*** Provided records ***
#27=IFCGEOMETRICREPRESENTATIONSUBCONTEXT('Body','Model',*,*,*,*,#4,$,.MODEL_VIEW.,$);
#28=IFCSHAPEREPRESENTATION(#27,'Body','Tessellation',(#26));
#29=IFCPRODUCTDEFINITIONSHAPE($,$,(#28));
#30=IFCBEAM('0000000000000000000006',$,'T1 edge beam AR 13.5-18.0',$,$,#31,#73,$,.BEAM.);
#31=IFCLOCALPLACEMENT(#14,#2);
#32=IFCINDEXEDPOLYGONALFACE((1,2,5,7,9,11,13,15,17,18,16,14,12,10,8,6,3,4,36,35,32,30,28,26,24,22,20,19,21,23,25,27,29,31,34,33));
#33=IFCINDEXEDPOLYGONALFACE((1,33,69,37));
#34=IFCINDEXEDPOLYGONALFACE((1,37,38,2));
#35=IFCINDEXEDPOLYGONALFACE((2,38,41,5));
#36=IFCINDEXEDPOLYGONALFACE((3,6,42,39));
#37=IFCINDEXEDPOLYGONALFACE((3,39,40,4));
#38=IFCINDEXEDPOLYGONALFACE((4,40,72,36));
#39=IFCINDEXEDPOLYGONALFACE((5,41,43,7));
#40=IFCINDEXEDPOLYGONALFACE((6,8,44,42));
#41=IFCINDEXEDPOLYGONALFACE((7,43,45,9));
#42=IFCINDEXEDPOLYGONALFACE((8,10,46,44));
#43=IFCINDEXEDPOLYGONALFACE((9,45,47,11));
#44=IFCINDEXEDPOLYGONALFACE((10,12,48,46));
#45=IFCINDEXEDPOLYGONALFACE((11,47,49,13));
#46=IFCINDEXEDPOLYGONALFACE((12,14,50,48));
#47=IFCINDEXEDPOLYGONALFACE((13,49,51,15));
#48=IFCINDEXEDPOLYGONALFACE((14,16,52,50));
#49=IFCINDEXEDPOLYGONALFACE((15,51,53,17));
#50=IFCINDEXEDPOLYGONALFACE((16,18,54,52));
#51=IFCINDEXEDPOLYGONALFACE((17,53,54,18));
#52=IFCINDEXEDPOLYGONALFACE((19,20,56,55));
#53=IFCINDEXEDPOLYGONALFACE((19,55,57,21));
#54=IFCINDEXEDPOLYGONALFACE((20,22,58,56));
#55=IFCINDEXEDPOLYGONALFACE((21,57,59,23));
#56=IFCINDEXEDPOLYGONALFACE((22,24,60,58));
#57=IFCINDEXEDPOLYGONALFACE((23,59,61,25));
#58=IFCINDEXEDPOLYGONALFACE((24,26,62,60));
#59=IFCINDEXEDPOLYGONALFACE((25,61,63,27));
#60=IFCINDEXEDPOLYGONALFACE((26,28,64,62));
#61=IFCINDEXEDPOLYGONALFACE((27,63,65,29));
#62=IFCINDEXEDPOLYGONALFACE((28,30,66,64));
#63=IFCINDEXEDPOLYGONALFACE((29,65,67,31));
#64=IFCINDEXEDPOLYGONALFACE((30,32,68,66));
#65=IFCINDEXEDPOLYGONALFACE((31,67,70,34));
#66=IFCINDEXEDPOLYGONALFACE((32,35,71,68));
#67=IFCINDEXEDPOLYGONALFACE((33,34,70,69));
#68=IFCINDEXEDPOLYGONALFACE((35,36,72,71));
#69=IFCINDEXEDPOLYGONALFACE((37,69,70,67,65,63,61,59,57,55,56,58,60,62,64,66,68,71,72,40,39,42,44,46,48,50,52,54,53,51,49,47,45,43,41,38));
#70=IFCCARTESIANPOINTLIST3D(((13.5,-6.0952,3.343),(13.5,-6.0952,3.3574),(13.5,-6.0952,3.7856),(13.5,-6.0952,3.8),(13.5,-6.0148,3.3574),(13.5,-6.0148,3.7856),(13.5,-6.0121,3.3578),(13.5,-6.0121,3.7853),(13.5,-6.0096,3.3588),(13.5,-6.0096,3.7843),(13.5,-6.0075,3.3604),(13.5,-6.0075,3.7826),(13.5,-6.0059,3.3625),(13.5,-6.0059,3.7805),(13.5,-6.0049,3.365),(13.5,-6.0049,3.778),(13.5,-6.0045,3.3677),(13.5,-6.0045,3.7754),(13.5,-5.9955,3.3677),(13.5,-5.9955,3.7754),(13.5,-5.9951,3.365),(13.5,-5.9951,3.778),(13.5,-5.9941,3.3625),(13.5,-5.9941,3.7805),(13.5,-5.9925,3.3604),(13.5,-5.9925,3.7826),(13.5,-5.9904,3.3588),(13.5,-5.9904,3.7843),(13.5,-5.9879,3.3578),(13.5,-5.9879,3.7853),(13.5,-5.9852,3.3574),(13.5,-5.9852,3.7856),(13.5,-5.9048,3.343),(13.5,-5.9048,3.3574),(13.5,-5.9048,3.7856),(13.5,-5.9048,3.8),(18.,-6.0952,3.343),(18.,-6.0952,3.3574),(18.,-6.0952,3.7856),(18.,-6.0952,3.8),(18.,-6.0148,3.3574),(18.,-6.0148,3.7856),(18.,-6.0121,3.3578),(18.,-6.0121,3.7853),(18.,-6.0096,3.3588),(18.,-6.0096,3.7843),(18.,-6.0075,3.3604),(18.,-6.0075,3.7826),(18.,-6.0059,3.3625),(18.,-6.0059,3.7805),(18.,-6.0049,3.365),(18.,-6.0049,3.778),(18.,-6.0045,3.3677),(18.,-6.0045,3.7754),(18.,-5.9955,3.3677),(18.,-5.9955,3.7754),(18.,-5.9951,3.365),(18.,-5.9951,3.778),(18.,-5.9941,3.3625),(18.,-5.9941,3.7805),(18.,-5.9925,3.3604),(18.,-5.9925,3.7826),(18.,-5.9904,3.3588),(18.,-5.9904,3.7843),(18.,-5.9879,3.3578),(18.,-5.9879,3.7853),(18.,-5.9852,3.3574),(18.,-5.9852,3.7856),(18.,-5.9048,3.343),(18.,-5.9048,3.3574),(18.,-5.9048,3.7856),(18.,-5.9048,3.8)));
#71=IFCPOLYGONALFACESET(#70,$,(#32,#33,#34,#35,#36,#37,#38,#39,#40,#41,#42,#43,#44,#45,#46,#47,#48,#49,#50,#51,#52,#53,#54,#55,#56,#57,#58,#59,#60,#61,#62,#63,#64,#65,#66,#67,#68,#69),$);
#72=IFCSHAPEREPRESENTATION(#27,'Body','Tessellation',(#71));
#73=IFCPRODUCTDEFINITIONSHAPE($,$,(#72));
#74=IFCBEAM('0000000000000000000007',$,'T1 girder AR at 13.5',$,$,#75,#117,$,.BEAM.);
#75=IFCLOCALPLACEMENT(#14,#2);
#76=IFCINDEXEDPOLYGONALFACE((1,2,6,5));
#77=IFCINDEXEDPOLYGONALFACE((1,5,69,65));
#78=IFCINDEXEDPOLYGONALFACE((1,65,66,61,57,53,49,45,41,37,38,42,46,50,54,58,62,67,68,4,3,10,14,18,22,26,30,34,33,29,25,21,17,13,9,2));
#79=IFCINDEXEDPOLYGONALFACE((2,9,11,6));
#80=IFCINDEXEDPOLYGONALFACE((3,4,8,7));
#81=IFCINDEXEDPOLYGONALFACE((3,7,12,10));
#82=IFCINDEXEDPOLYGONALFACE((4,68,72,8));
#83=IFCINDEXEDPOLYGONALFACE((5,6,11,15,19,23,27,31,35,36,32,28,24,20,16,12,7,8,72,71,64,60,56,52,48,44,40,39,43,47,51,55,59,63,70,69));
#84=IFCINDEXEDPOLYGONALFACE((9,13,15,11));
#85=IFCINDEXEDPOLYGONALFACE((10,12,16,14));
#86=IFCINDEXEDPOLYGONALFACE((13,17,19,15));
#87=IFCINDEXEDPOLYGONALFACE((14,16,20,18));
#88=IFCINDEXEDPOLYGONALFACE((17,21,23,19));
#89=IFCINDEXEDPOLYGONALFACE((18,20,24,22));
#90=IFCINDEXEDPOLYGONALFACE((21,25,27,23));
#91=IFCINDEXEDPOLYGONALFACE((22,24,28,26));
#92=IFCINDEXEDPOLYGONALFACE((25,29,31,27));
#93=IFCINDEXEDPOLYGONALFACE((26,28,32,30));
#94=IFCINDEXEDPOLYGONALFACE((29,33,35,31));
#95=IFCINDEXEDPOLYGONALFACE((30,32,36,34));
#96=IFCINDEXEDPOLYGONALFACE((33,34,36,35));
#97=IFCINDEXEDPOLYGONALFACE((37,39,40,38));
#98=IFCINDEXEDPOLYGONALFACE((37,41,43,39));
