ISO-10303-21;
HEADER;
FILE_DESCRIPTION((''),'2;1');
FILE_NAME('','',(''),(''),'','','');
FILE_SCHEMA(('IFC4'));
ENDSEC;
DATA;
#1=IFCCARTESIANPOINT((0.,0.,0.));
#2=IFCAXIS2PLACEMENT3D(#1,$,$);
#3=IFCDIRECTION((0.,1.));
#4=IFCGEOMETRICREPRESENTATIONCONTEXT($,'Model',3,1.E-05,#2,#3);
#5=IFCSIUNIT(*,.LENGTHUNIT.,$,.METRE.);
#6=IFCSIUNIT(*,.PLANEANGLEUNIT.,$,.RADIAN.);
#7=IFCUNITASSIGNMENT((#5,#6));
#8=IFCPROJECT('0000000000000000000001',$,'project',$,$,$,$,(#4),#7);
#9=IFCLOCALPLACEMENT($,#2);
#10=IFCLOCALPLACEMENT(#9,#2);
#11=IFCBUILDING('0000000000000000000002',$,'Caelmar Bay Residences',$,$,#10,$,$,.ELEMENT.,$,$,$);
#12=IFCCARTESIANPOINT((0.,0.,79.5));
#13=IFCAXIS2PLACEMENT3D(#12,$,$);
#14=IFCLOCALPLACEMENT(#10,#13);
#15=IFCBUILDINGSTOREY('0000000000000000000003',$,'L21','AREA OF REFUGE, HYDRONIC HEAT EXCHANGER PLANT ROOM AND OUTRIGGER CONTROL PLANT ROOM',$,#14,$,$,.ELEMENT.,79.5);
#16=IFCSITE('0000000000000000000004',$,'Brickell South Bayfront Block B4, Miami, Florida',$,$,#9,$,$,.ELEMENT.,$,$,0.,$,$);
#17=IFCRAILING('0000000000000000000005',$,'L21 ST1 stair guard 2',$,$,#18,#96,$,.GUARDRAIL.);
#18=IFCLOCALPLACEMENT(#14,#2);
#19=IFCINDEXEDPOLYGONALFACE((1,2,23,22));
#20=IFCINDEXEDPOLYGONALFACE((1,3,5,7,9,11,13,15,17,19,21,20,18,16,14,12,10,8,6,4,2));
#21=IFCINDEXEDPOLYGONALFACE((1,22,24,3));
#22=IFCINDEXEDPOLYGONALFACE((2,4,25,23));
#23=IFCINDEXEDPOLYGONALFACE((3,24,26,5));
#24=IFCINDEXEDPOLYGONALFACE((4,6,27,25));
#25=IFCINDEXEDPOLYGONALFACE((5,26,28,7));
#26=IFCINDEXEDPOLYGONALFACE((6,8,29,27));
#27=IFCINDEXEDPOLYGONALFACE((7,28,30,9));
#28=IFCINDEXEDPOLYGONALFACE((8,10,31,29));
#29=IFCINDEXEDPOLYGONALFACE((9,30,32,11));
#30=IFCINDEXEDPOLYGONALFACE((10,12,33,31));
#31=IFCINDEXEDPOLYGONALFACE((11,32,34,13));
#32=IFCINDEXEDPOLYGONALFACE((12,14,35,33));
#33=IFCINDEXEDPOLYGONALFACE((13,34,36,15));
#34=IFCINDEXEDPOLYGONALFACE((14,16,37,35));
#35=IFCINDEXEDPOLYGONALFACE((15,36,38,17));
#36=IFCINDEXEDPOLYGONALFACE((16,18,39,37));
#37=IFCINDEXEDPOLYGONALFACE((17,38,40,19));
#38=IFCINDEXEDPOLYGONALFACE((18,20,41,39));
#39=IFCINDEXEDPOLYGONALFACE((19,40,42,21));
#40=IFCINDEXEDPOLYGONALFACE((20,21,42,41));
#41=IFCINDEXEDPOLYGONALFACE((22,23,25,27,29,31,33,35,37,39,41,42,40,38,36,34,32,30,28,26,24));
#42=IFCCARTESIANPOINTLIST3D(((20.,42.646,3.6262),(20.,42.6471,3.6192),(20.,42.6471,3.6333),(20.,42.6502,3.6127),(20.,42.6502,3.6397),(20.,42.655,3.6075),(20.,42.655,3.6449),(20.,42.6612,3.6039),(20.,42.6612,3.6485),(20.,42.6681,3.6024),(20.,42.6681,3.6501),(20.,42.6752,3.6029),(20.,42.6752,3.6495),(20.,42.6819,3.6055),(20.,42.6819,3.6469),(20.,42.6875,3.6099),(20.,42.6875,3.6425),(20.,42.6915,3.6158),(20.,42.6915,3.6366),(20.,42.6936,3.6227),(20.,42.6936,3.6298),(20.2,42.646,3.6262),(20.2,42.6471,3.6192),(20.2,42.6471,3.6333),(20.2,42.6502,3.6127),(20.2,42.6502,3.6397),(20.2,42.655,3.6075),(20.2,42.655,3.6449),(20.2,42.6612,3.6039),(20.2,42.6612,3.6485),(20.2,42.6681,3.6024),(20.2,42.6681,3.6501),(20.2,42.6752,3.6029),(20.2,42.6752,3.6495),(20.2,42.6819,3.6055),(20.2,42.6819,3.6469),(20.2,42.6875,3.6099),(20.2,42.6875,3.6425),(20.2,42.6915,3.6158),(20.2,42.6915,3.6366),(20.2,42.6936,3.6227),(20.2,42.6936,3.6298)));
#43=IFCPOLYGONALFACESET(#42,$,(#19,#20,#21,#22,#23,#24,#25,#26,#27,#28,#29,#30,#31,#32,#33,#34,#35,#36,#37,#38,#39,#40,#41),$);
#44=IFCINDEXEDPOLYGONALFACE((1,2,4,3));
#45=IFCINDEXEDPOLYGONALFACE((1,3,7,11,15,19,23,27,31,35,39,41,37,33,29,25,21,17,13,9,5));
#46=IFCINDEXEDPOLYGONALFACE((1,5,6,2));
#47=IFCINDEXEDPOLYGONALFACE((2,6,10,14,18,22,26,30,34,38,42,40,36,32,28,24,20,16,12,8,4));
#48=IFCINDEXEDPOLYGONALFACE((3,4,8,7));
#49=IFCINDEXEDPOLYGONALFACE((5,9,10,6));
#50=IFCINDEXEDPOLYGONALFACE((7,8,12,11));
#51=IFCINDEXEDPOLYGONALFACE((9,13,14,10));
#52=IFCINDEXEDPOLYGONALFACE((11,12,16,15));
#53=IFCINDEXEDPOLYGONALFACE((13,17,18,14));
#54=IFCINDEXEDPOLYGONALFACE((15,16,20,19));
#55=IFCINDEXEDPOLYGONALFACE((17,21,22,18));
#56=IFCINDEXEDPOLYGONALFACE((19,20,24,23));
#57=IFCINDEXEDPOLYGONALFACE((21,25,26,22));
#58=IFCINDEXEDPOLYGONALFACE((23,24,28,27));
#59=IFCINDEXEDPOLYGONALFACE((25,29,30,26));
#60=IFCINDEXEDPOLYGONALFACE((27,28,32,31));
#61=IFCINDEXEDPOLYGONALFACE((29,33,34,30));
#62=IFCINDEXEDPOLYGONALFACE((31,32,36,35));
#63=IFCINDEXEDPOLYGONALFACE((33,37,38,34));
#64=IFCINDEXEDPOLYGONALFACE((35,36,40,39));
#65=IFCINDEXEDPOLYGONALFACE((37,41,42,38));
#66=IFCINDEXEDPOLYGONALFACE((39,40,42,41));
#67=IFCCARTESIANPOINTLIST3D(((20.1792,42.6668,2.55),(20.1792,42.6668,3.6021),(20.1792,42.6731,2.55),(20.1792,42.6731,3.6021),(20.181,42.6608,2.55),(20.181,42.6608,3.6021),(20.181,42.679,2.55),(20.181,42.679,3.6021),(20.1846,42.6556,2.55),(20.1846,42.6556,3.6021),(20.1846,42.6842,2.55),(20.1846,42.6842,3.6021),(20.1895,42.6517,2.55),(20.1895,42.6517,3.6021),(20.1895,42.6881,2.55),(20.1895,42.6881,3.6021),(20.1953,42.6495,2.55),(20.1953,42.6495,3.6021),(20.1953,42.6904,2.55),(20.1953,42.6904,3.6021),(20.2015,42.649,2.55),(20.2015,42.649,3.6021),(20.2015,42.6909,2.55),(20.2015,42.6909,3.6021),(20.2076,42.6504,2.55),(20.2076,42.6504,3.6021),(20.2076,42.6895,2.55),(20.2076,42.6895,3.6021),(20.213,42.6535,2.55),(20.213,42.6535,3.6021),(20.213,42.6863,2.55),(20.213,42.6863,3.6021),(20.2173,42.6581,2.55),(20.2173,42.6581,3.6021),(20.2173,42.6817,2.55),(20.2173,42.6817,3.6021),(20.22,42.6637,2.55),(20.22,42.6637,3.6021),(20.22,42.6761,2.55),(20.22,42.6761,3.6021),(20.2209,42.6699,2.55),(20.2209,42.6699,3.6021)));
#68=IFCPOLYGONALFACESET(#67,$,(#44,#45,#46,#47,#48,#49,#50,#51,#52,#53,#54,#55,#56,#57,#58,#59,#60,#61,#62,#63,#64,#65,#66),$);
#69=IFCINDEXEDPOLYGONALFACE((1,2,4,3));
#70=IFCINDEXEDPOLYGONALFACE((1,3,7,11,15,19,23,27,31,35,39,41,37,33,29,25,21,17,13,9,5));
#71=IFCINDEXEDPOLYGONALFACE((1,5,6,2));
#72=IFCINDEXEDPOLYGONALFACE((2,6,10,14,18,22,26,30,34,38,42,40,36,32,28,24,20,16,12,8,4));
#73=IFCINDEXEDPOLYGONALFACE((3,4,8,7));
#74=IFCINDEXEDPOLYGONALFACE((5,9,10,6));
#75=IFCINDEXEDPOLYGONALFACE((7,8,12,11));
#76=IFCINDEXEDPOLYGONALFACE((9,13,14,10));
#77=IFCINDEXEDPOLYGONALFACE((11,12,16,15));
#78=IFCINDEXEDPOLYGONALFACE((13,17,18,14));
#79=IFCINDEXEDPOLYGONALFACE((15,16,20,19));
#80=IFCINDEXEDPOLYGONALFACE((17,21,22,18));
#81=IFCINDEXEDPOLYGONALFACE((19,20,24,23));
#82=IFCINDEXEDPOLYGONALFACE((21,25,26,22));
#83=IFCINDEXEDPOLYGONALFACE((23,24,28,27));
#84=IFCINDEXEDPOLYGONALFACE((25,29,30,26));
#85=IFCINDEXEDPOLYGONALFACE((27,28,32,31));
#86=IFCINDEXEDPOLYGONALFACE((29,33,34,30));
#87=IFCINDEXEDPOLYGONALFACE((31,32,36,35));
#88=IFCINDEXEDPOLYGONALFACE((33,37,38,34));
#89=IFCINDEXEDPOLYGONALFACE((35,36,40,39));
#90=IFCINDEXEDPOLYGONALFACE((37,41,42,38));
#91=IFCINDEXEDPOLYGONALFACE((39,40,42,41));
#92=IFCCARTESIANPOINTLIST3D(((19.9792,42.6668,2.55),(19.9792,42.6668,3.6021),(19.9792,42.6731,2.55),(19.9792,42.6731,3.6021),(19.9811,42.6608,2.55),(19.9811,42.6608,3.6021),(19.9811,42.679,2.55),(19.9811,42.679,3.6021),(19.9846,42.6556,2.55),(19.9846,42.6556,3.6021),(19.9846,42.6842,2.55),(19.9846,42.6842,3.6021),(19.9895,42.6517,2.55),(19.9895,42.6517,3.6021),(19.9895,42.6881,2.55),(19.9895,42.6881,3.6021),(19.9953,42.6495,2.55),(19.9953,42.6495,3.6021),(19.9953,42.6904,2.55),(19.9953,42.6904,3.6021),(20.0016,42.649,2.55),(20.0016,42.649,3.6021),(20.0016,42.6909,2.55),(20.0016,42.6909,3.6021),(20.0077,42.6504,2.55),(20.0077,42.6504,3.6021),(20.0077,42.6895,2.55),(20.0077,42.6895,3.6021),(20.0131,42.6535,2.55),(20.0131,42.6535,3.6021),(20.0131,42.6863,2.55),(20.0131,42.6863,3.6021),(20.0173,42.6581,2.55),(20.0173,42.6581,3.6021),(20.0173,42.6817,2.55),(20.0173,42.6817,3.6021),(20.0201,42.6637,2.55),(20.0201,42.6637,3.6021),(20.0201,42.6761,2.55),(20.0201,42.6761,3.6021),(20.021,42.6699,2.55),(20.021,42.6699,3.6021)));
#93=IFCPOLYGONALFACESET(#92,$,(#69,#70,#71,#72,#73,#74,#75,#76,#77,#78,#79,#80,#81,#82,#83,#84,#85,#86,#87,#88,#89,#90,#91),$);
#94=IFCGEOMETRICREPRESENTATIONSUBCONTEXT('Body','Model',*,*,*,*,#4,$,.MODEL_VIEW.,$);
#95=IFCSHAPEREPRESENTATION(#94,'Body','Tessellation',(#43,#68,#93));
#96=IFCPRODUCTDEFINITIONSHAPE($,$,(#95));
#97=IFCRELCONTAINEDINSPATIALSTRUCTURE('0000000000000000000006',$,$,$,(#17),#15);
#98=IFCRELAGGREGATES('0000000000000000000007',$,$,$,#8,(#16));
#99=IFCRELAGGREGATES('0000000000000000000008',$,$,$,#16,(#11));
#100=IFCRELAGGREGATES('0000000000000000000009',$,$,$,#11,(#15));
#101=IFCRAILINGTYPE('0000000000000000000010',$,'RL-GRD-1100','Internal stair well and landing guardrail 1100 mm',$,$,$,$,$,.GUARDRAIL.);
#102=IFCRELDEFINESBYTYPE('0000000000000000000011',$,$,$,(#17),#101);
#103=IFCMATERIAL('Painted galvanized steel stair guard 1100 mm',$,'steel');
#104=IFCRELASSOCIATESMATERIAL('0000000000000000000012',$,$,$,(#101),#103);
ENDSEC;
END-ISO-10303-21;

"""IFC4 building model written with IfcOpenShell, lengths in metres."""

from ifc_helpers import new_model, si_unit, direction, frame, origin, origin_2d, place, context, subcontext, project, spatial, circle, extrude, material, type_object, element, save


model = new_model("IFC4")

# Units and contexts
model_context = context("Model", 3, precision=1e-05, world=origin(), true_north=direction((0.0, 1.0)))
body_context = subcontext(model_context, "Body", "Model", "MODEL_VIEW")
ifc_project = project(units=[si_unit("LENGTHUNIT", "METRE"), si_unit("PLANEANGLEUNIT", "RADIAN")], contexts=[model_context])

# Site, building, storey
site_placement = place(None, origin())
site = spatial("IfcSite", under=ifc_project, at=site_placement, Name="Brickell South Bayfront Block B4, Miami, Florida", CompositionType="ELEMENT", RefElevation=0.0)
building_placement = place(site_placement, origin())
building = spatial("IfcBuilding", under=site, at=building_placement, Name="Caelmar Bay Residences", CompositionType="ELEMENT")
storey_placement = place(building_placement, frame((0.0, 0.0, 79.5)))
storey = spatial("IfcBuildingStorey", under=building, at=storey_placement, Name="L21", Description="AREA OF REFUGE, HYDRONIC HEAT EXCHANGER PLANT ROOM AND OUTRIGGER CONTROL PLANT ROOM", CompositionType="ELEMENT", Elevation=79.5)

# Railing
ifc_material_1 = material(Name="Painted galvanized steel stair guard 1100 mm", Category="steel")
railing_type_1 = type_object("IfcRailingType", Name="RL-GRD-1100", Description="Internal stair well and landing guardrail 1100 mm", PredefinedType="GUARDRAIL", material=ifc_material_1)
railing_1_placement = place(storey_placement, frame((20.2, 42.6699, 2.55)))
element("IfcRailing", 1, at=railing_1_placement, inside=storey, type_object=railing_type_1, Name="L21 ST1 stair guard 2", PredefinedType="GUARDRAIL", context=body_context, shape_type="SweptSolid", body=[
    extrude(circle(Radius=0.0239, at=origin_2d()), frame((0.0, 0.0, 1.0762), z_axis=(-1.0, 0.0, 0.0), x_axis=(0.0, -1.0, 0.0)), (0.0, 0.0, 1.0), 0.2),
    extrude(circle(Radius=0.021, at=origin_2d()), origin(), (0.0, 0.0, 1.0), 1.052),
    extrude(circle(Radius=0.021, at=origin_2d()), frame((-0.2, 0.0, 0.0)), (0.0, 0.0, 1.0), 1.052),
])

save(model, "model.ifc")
***
## [What you need to do]
Retype every line up to and including the one that contains "#65=IFCINDEXEDPOLYGONALFACE((31,67,70,34));", beginning at the first line of the records, with no edits.

## [Your response]
#27=IFCGEOMETRICREPRESENTATIONSUBCONTEXT('Body','Model',*,*,*,*,#4,$,.MODEL_VIEW.,$);
#28=IFCSHAPEREPRESENTATION(#27,'Body','Tessellation',(#26));
#29=IFCPRODUCTDEFINITIONSHAPE($,$,(#28));
#30=IFCBEAM('0000000000000000000006',$,'T1 edge beam AR 13.5-18.0',$,$,#31,#73,$,.BEAM.);
#31=IFCLOCALPLACEMENT(#14,#2);
#32=IFCINDEXEDPOLYGONALFACE((1,2,5,7,9,11,13,15,17,18,16,14,12,10,8,6,3,4,36,35,32,30,28,26,24,22,20,19,21,23,25,27,29,31,34,33));
#33=IFCINDEXEDPOLYGONALFACE((1,33,69,37));
#34=IFCINDEXEDPOLYGONALFACE((1,37,38,2));
#35=IFCINDEXEDPOLYGONALFACE((2,38,41,5));
#36=IFCINDEXEDPOLYGONALFACE((3,6,42,39));
#37=IFCINDEXEDPOLYGONALFACE((3,39,40,4));
#38=IFCINDEXEDPOLYGONALFACE((4,40,72,36));
#39=IFCINDEXEDPOLYGONALFACE((5,41,43,7));
#40=IFCINDEXEDPOLYGONALFACE((6,8,44,42));
#41=IFCINDEXEDPOLYGONALFACE((7,43,45,9));
#42=IFCINDEXEDPOLYGONALFACE((8,10,46,44));
#43=IFCINDEXEDPOLYGONALFACE((9,45,47,11));
#44=IFCINDEXEDPOLYGONALFACE((10,12,48,46));
#45=IFCINDEXEDPOLYGONALFACE((11,47,49,13));
#46=IFCINDEXEDPOLYGONALFACE((12,14,50,48));
#47=IFCINDEXEDPOLYGONALFACE((13,49,51,15));
#48=IFCINDEXEDPOLYGONALFACE((14,16,52,50));
#49=IFCINDEXEDPOLYGONALFACE((15,51,53,17));
#50=IFCINDEXEDPOLYGONALFACE((16,18,54,52));
#51=IFCINDEXEDPOLYGONALFACE((17,53,54,18));
#52=IFCINDEXEDPOLYGONALFACE((19,20,56,55));
#53=IFCINDEXEDPOLYGONALFACE((19,55,57,21));
#54=IFCINDEXEDPOLYGONALFACE((20,22,58,56));
#55=IFCINDEXEDPOLYGONALFACE((21,57,59,23));
#56=IFCINDEXEDPOLYGONALFACE((22,24,60,58));
#57=IFCINDEXEDPOLYGONALFACE((23,59,61,25));
#58=IFCINDEXEDPOLYGONALFACE((24,26,62,60));
#59=IFCINDEXEDPOLYGONALFACE((25,61,63,27));
#60=IFCINDEXEDPOLYGONALFACE((26,28,64,62));
#61=IFCINDEXEDPOLYGONALFACE((27,63,65,29));
#62=IFCINDEXEDPOLYGONALFACE((28,30,66,64));
#63=IFCINDEXEDPOLYGONALFACE((29,65,67,31));
#64=IFCINDEXEDPOLYGONALFACE((30,32,68,66));
#65=IFCINDEXEDPOLYGONALFACE((31,67,70,34));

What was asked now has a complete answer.